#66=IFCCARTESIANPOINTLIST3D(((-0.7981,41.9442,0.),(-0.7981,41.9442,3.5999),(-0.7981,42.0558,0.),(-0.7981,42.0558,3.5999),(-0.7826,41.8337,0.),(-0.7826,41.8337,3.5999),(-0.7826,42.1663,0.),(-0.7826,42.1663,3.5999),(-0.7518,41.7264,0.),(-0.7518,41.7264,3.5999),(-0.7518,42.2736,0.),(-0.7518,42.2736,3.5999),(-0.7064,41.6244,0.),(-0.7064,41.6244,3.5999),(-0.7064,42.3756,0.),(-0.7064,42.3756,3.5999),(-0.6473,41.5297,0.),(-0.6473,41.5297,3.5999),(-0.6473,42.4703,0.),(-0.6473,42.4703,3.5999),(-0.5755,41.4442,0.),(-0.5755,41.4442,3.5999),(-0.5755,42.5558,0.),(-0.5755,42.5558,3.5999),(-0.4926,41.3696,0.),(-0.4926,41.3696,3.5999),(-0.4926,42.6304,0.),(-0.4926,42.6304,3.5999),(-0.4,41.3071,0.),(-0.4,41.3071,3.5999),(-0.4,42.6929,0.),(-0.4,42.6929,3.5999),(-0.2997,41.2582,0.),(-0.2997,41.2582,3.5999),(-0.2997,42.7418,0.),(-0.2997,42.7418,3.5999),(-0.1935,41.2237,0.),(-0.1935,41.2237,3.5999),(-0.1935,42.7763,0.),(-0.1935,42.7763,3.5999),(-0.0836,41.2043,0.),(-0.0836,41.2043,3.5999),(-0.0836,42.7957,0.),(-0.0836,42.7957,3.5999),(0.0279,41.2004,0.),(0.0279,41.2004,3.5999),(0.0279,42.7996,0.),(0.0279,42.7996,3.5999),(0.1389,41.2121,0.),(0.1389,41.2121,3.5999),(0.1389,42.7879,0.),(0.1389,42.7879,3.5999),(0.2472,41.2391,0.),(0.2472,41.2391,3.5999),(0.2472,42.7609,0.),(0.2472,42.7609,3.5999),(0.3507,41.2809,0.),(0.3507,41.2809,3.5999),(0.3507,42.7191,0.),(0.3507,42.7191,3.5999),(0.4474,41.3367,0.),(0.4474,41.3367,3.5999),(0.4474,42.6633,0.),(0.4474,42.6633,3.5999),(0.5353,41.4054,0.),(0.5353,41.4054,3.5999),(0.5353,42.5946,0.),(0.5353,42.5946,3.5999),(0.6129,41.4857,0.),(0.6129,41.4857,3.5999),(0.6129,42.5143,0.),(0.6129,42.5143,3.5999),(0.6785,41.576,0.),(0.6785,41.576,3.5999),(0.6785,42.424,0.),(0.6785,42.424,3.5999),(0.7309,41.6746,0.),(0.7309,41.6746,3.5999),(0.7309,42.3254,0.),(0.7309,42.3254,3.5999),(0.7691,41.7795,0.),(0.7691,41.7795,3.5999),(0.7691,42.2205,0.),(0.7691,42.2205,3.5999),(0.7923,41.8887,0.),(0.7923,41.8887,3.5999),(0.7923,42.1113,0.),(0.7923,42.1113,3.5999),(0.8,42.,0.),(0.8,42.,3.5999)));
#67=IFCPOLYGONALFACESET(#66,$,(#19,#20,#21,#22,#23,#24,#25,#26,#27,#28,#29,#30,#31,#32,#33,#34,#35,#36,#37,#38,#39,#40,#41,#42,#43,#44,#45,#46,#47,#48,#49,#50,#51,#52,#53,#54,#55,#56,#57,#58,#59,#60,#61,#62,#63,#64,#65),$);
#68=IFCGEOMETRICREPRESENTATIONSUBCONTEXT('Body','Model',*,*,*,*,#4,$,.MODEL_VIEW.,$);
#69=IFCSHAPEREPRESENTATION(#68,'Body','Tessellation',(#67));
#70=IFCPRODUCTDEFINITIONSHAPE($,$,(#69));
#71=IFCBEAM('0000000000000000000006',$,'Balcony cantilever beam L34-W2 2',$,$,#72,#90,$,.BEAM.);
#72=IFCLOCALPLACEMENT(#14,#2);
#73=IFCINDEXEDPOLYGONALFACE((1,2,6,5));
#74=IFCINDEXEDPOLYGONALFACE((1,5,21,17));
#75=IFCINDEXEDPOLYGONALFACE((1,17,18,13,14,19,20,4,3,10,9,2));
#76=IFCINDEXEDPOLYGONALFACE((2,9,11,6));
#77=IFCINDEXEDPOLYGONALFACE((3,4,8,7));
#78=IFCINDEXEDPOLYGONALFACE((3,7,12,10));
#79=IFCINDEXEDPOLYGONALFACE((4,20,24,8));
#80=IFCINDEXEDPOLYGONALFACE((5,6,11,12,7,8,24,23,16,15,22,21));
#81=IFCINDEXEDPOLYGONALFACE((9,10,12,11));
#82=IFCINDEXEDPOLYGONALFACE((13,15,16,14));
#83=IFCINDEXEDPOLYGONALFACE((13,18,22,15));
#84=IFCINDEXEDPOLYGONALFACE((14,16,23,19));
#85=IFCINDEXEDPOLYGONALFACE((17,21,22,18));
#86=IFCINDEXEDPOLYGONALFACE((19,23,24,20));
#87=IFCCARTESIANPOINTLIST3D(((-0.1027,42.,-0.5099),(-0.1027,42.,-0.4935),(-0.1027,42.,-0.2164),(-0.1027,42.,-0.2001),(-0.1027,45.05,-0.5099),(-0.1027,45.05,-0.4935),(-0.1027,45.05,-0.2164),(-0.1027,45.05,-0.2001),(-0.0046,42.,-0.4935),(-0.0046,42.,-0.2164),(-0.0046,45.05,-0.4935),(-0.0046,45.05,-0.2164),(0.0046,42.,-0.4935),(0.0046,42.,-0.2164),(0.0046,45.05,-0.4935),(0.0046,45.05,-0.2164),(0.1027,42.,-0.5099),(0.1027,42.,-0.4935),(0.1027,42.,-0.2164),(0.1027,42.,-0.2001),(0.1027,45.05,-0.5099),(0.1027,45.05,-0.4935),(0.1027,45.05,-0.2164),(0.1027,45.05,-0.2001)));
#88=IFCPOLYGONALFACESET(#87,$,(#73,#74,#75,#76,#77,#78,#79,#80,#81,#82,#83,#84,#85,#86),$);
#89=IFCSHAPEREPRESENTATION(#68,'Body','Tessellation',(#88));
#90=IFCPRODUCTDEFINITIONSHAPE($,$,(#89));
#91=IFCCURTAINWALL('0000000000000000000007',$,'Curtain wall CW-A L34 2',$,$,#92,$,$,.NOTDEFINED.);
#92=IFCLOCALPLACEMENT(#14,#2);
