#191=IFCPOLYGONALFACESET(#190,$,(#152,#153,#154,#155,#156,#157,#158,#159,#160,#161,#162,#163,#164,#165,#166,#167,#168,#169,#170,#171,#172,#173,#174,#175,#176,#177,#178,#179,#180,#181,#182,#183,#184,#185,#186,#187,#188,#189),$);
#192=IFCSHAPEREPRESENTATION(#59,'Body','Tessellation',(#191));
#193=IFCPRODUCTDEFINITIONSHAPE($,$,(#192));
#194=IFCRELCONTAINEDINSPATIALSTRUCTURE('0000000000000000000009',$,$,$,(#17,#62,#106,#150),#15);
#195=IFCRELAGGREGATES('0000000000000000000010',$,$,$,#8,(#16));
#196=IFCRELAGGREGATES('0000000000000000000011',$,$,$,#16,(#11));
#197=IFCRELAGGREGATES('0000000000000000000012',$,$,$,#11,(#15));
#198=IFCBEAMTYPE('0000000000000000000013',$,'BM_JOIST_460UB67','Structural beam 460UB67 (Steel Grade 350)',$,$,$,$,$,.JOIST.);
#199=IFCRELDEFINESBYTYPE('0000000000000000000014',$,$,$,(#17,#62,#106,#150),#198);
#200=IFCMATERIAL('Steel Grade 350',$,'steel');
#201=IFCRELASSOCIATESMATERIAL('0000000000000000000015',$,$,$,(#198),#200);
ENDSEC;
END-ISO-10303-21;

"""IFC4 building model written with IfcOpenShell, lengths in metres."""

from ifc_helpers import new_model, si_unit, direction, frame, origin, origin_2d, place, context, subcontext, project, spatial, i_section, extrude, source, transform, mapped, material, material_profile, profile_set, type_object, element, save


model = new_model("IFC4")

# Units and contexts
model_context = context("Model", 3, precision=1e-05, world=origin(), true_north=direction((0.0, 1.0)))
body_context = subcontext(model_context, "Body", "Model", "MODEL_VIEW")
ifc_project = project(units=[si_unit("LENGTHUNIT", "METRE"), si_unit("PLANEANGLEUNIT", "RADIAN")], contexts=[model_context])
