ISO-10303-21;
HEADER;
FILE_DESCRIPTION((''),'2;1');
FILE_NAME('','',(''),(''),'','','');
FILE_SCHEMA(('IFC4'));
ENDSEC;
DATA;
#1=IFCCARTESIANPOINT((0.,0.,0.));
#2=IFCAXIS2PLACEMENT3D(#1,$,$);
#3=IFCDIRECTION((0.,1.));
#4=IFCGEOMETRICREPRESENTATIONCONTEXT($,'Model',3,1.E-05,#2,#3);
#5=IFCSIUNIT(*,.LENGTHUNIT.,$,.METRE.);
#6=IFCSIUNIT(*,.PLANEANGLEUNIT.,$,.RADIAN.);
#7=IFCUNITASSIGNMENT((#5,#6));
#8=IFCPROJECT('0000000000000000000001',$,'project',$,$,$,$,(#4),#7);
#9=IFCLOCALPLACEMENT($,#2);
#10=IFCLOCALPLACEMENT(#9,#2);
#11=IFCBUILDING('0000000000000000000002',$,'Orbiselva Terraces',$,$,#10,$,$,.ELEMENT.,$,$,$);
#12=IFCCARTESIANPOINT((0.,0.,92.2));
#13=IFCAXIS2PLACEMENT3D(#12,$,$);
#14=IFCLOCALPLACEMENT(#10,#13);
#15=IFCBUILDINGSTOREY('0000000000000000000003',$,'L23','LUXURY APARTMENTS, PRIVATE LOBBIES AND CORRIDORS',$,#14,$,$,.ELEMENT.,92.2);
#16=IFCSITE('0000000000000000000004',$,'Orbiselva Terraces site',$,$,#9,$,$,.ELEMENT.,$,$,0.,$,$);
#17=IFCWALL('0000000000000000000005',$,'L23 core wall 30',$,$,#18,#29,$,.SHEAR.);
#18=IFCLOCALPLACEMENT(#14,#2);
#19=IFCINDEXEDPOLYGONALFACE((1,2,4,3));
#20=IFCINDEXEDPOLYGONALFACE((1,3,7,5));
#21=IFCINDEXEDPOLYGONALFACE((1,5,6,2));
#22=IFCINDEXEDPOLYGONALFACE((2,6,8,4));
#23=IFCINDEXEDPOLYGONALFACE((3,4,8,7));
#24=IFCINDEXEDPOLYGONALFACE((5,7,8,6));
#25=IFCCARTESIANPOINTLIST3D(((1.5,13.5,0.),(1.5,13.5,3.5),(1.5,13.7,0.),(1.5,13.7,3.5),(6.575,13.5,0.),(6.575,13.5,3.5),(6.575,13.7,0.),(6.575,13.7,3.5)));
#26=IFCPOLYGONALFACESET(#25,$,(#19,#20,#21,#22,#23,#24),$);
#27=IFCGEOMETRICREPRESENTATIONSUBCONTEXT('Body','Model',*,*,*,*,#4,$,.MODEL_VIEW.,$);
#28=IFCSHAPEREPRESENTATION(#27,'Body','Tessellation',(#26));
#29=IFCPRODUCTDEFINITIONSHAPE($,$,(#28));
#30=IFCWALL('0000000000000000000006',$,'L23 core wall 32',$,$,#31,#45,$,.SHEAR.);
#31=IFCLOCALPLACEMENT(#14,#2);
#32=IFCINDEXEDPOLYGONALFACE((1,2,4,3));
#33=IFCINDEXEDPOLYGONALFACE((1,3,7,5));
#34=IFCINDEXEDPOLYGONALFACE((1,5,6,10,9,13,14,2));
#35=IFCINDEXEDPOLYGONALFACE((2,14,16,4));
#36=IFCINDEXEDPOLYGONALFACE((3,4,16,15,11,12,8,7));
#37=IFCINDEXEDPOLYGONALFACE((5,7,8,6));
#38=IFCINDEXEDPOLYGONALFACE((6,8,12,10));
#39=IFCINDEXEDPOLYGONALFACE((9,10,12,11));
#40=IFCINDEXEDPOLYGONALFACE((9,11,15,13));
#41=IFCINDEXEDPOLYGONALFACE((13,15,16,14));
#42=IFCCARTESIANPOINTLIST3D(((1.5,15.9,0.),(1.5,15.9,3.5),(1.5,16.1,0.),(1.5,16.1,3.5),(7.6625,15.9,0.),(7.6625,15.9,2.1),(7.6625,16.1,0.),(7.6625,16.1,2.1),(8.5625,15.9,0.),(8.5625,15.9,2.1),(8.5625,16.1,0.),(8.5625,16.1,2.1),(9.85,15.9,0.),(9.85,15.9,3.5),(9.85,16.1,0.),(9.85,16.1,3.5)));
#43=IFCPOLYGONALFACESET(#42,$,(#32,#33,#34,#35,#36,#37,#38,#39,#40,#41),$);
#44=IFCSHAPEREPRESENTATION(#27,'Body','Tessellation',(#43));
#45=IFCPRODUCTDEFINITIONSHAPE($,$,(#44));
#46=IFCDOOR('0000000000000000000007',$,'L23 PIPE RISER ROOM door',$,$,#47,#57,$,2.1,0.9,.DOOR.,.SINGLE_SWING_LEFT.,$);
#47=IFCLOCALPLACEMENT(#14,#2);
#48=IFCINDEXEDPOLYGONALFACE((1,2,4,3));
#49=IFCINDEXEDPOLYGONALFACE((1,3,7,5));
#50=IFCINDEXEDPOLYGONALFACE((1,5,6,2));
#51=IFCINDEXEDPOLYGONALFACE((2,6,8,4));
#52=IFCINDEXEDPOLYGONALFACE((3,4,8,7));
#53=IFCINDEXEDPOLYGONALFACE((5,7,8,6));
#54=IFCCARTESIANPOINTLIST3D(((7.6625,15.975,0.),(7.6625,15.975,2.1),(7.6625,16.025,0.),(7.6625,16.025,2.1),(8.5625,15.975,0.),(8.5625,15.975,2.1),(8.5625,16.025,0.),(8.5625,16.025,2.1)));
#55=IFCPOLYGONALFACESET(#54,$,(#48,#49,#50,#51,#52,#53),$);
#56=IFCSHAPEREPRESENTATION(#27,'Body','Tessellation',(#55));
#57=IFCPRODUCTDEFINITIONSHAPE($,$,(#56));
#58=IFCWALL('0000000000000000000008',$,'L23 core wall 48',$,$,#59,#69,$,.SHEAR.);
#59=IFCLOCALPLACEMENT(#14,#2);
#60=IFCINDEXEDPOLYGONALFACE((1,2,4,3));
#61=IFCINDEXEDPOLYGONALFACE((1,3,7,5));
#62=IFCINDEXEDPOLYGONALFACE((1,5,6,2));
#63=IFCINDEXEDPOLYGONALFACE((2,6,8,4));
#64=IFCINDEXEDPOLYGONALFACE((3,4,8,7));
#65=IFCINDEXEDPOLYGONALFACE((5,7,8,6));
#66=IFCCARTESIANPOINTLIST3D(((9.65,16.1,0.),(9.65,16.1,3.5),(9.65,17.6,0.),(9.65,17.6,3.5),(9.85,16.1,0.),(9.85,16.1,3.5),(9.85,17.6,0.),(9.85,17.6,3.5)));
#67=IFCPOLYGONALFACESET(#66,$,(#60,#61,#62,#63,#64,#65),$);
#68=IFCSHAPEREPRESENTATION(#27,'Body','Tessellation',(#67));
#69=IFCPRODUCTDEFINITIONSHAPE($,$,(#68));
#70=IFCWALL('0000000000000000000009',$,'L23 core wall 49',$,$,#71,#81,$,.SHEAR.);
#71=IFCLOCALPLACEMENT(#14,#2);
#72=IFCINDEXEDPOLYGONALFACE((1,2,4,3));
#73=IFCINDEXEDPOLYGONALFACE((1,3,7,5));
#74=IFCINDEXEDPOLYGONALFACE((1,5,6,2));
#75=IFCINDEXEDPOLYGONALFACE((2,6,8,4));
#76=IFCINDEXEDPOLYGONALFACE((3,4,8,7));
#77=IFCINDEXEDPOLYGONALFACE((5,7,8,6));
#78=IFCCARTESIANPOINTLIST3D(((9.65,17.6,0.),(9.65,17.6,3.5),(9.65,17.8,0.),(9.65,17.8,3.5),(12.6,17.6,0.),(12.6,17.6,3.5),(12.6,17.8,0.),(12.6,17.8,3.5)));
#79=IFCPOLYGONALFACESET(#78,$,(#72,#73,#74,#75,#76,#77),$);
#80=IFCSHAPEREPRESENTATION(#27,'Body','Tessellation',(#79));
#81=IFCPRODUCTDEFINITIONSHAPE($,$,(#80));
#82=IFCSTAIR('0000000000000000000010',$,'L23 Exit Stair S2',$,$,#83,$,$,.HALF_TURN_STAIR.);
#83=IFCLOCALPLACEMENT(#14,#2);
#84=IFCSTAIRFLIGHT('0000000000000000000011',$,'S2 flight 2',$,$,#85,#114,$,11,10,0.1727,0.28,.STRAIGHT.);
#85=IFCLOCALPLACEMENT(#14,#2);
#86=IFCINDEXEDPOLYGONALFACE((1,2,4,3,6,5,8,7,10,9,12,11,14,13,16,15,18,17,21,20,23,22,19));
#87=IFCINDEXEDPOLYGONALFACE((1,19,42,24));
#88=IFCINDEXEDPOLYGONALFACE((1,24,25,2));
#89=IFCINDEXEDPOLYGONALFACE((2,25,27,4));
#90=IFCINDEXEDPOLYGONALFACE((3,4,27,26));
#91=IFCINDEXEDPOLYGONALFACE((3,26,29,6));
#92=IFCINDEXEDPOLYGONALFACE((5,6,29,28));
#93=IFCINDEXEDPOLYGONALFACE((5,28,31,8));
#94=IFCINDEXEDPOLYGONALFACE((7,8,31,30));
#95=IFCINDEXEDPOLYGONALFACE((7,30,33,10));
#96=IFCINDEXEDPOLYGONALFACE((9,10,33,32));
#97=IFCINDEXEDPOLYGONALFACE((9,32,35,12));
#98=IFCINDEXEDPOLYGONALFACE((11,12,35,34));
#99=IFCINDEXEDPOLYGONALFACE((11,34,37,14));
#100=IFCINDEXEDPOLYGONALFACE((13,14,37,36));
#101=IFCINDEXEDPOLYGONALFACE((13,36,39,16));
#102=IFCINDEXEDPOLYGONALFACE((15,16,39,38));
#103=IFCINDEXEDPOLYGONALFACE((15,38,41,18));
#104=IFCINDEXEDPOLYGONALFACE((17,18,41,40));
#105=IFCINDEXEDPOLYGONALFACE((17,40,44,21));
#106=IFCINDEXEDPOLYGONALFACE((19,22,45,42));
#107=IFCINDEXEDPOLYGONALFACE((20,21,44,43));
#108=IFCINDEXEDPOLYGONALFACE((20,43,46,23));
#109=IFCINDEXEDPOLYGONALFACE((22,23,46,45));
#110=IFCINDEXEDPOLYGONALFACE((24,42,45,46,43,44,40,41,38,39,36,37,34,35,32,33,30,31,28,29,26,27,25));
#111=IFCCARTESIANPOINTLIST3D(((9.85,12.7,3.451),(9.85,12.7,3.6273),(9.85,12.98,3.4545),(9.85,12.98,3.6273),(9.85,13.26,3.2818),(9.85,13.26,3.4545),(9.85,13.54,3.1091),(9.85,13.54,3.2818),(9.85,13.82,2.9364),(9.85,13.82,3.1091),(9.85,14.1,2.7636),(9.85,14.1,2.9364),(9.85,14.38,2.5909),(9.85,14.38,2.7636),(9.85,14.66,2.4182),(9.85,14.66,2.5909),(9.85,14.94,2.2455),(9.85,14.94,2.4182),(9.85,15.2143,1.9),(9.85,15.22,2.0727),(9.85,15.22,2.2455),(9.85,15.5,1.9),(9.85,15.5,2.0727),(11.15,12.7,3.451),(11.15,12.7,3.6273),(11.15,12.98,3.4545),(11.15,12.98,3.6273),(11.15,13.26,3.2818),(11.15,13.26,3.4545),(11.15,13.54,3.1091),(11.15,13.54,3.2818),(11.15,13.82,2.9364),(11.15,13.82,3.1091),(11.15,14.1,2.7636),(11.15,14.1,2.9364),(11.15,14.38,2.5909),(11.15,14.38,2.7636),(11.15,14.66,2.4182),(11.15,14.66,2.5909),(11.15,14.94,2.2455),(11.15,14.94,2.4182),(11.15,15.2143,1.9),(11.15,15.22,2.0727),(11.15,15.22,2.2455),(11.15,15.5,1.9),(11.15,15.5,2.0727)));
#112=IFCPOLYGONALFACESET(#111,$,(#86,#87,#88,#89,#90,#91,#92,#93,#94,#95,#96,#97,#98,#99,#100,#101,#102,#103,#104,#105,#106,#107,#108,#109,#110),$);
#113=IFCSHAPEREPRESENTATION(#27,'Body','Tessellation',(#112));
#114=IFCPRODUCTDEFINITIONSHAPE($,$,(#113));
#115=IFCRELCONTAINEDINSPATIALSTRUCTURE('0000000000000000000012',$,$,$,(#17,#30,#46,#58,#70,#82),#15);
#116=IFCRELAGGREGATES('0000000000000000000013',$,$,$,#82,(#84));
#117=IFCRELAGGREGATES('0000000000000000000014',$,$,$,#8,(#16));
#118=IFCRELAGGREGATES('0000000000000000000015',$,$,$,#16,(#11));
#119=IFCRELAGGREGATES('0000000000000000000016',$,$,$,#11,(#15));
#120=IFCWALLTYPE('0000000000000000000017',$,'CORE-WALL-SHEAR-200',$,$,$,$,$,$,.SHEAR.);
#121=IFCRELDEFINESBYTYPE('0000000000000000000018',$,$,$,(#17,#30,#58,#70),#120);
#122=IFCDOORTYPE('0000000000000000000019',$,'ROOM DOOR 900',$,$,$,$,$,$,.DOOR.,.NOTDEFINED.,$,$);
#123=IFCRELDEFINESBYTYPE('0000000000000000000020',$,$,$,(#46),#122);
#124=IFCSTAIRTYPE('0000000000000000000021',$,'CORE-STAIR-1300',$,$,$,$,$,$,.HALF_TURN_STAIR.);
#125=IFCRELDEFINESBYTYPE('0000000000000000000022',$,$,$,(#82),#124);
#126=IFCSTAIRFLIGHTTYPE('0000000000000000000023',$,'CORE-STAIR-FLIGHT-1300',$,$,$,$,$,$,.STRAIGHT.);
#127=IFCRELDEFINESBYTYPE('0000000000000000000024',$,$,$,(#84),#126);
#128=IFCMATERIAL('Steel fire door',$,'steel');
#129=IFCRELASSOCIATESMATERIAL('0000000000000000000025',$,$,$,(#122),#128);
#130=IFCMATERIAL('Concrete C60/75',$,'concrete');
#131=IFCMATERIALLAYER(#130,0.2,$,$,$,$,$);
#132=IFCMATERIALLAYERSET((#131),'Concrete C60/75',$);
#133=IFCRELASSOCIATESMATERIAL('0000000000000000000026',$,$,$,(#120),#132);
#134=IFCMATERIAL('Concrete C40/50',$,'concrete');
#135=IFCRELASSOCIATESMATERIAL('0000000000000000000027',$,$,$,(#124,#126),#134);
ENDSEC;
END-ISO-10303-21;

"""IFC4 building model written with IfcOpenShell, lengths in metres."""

from ifc_helpers import new_model, si_unit, direction, frame, frame_2d, origin, place, context, subcontext, project, spatial, polyline, rectangle, outline, extrude, material, layer, layer_set, type_object, element, fill, aggregate, save


model = new_model("IFC4")

# Units and contexts
model_context = context("Model", 3, precision=1e-05, world=origin(), true_north=direction((0.0, 1.0)))
body_context = subcontext(model_context, "Body", "Model", "MODEL_VIEW")
ifc_project = project(units=[si_unit("LENGTHUNIT", "METRE"), si_unit("PLANEANGLEUNIT", "RADIAN")], contexts=[model_context])

# Site, building, storey
site_placement = place(None, origin())
site = spatial("IfcSite", under=ifc_project, at=site_placement, Name="Orbiselva Terraces site", CompositionType="ELEMENT", RefElevation=0.0)
building_placement = place(site_placement, origin())
building = spatial("IfcBuilding", under=site, at=building_placement, Name="Orbiselva Terraces", CompositionType="ELEMENT")
storey_placement = place(building_placement, frame((0.0, 0.0, 92.2)))
storey = spatial("IfcBuildingStorey", under=building, at=storey_placement, Name="L23", Description="LUXURY APARTMENTS, PRIVATE LOBBIES AND CORRIDORS", CompositionType="ELEMENT", Elevation=92.2)

# Shared definitions
ifc_material_1 = material(Name="Steel fire door", Category="steel")
door_type = type_object("IfcDoorType", Name="ROOM DOOR 900", OperationType="NOTDEFINED", PredefinedType="DOOR", material=ifc_material_1)

# Shared definitions
ifc_material_2 = material(Name="Concrete C40/50", Category="concrete")

# Shared definitions
ifc_material_3 = material(Name="Concrete C60/75", Category="concrete")
ifc_layer_1 = layer(ifc_material_3, 0.2)
ifc_layer_set_1 = layer_set([ifc_layer_1], Name="Concrete C60/75")
wall_type_1 = type_object("IfcWallType", Name="CORE-WALL-SHEAR-200", PredefinedType="SHEAR", material=ifc_layer_set_1)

-*-

> _PROBLEM TO SOLVE_: Would you print exactly and only the lines of the material above that run from the line with "#52=IFCINDEXEDPOLYGONALFACE((3,4,8,7));" through the line with "#69=IFCPRODUCTDEFINITIONSHAPE($,$,(#68));", both included?

> _RESPONSE BOX_:
#52=IFCINDEXEDPOLYGONALFACE((3,4,8,7));
#53=IFCINDEXEDPOLYGONALFACE((5,7,8,6));
#54=IFCCARTESIANPOINTLIST3D(((7.6625,15.975,0.),(7.6625,15.975,2.1),(7.6625,16.025,0.),(7.6625,16.025,2.1),(8.5625,15.975,0.),(8.5625,15.975,2.1),(8.5625,16.025,0.),(8.5625,16.025,2.1)));
#55=IFCPOLYGONALFACESET(#54,$,(#48,#49,#50,#51,#52,#53),$);
#56=IFCSHAPEREPRESENTATION(#27,'Body','Tessellation',(#55));
#57=IFCPRODUCTDEFINITIONSHAPE($,$,(#56));
#58=IFCWALL('0000000000000000000008',$,'L23 core wall 48',$,$,#59,#69,$,.SHEAR.);
#59=IFCLOCALPLACEMENT(#14,#2);
#60=IFCINDEXEDPOLYGONALFACE((1,2,4,3));
#61=IFCINDEXEDPOLYGONALFACE((1,3,7,5));
#62=IFCINDEXEDPOLYGONALFACE((1,5,6,2));
#63=IFCINDEXEDPOLYGONALFACE((2,6,8,4));
#64=IFCINDEXEDPOLYGONALFACE((3,4,8,7));
#65=IFCINDEXEDPOLYGONALFACE((5,7,8,6));
#66=IFCCARTESIANPOINTLIST3D(((9.65,16.1,0.),(9.65,16.1,3.5),(9.65,17.6,0.),(9.65,17.6,3.5),(9.85,16.1,0.),(9.85,16.1,3.5),(9.85,17.6,0.),(9.85,17.6,3.5)));
#67=IFCPOLYGONALFACESET(#66,$,(#60,#61,#62,#63,#64,#65),$);
#68=IFCSHAPEREPRESENTATION(#27,'Body','Tessellation',(#67));
#69=IFCPRODUCTDEFINITIONSHAPE($,$,(#68));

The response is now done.